For every line in the material below that holds "POST", report the line.

DATA SHOWN:
▽

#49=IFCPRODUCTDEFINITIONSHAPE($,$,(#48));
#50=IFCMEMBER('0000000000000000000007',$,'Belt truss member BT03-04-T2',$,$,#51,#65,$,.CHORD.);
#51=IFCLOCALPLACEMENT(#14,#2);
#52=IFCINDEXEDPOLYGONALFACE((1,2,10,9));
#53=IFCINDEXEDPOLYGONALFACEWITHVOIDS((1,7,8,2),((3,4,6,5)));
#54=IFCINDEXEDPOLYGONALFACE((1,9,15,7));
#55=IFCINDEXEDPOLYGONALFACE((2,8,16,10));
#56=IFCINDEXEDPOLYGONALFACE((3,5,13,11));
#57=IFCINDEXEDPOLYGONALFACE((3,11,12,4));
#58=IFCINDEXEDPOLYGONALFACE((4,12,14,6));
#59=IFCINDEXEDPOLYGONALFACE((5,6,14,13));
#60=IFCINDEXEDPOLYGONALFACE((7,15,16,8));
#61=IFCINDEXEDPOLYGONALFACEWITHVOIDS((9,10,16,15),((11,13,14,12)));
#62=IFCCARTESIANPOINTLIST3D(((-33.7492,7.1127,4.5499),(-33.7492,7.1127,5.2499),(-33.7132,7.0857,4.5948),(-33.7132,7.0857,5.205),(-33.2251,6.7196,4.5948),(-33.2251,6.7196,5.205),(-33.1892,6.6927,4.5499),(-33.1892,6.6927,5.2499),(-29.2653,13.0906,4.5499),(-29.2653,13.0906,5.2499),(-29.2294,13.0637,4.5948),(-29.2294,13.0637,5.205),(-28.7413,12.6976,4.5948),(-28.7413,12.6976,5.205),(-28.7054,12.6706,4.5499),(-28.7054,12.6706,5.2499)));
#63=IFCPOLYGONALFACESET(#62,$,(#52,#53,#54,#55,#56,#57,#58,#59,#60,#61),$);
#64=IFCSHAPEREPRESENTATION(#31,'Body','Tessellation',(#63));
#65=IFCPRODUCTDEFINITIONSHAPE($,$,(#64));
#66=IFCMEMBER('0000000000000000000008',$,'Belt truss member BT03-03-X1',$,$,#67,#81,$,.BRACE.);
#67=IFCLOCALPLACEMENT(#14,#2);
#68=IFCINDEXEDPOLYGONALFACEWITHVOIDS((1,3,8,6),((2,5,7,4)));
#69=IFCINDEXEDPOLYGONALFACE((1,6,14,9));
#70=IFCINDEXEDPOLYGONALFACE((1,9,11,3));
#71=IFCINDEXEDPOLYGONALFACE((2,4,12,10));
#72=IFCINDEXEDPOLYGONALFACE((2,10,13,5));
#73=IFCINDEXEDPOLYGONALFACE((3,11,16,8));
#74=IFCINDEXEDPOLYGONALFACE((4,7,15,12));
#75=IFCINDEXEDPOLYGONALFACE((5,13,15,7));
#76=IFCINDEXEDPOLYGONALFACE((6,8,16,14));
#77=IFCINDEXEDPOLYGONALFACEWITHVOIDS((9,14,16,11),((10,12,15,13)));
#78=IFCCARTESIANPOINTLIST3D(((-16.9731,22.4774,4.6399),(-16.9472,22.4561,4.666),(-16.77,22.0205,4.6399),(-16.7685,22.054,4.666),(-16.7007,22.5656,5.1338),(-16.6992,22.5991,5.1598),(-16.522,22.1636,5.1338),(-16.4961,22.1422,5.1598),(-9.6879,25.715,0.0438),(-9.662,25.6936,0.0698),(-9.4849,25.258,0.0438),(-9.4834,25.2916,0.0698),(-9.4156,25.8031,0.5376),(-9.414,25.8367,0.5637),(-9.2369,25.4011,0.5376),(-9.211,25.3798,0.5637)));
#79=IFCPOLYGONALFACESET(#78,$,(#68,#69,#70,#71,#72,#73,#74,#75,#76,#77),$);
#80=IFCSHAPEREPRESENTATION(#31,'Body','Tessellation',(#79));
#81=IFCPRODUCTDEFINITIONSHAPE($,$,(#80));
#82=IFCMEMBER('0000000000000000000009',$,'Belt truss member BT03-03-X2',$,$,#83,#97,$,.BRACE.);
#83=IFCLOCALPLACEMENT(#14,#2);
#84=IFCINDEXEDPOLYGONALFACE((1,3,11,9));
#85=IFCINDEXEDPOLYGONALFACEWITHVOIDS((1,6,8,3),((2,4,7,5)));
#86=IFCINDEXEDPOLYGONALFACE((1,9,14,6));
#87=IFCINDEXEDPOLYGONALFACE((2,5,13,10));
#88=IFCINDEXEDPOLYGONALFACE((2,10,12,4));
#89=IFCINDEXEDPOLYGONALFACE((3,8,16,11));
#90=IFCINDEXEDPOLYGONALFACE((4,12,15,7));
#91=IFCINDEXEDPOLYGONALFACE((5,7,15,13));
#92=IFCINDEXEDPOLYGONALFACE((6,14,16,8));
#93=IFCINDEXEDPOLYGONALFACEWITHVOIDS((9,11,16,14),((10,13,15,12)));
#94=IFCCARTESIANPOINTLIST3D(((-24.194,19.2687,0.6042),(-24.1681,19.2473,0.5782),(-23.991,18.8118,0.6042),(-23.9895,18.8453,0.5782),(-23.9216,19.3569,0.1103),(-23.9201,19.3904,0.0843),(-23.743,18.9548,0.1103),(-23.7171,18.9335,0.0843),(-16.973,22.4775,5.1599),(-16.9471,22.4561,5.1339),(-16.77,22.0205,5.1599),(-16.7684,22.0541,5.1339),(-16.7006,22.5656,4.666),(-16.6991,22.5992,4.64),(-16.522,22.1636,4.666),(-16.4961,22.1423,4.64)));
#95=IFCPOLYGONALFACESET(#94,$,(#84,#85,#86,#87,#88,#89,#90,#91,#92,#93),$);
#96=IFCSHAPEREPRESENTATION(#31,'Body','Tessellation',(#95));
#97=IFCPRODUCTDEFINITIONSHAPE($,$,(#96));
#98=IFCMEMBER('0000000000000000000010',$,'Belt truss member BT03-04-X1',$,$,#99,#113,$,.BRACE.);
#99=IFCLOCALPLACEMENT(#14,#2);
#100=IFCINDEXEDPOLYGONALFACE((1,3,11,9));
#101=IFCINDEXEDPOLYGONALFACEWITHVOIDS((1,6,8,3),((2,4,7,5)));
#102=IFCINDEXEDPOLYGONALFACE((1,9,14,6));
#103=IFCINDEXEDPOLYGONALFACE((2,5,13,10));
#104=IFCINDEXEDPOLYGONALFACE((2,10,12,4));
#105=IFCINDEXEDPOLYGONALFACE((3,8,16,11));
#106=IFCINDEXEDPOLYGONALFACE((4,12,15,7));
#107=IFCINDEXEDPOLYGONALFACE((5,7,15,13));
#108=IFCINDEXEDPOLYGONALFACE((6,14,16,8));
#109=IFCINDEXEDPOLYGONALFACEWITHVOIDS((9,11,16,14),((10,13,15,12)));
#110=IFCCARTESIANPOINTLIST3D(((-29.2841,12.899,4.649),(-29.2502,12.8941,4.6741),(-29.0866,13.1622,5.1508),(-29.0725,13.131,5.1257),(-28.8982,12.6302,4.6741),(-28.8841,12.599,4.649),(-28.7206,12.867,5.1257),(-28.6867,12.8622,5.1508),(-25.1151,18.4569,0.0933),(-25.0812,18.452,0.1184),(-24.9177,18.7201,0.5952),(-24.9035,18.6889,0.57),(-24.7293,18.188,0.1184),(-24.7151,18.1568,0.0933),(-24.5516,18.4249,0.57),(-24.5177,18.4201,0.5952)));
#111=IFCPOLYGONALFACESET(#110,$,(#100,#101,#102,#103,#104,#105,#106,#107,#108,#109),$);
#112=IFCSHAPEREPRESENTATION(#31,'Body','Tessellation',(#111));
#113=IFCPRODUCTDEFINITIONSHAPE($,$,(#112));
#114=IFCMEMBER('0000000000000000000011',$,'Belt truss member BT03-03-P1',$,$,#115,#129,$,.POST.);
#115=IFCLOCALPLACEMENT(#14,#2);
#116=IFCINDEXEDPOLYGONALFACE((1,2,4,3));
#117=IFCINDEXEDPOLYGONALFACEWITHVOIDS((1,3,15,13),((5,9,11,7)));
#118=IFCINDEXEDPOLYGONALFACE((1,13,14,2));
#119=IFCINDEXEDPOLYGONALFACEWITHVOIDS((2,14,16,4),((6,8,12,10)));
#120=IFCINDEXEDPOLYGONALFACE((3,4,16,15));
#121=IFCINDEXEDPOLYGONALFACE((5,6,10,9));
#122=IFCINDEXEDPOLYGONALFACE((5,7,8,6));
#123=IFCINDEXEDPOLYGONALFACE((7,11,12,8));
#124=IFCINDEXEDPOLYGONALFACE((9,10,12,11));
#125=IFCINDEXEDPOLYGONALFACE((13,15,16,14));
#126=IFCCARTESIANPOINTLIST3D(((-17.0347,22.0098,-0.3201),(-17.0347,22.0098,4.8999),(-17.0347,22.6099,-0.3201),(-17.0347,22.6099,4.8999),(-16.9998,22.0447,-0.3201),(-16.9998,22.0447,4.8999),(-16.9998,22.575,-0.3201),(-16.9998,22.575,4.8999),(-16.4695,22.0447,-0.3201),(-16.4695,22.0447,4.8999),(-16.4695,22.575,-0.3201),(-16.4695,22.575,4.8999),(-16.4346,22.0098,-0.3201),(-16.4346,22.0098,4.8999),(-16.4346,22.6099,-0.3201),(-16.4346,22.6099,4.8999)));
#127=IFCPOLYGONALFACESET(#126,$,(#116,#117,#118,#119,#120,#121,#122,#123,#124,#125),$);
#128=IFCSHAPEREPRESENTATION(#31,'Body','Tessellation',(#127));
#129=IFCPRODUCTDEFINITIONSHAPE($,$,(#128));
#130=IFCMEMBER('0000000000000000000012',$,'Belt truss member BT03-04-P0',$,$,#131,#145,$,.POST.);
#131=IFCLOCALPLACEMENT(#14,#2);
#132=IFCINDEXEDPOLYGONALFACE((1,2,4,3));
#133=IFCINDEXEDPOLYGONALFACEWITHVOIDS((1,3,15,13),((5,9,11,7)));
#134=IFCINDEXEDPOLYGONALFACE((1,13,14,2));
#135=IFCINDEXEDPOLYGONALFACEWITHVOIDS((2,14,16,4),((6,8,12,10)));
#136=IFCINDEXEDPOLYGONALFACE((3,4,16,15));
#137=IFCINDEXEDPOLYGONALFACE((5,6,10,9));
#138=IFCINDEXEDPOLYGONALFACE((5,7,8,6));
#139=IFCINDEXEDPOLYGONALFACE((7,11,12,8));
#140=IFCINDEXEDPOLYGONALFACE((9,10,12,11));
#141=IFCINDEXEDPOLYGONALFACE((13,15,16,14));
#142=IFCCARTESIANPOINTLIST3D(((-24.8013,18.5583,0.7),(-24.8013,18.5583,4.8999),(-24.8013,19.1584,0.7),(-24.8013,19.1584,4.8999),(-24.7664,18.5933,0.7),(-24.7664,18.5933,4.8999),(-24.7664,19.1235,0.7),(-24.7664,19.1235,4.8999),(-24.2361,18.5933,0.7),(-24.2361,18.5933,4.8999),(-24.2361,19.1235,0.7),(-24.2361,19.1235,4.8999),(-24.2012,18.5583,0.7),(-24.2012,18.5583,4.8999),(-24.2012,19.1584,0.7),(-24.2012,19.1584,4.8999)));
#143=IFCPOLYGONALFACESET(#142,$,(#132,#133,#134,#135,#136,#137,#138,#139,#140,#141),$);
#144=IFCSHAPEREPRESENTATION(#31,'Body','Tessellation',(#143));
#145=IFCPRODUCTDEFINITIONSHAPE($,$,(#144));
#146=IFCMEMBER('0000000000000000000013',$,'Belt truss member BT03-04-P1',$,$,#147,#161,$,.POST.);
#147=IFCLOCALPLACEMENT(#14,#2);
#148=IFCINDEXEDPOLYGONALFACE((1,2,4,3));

△

EXERCISE ANSWER:
#114=IFCMEMBER('0000000000000000000011',$,'Belt truss member BT03-03-P1',$,$,#115,#129,$,.POST.);
#130=IFCMEMBER('0000000000000000000012',$,'Belt truss member BT03-04-P0',$,$,#131,#145,$,.POST.);
#146=IFCMEMBER('0000000000000000000013',$,'Belt truss member BT03-04-P1',$,$,#147,#161,$,.POST.);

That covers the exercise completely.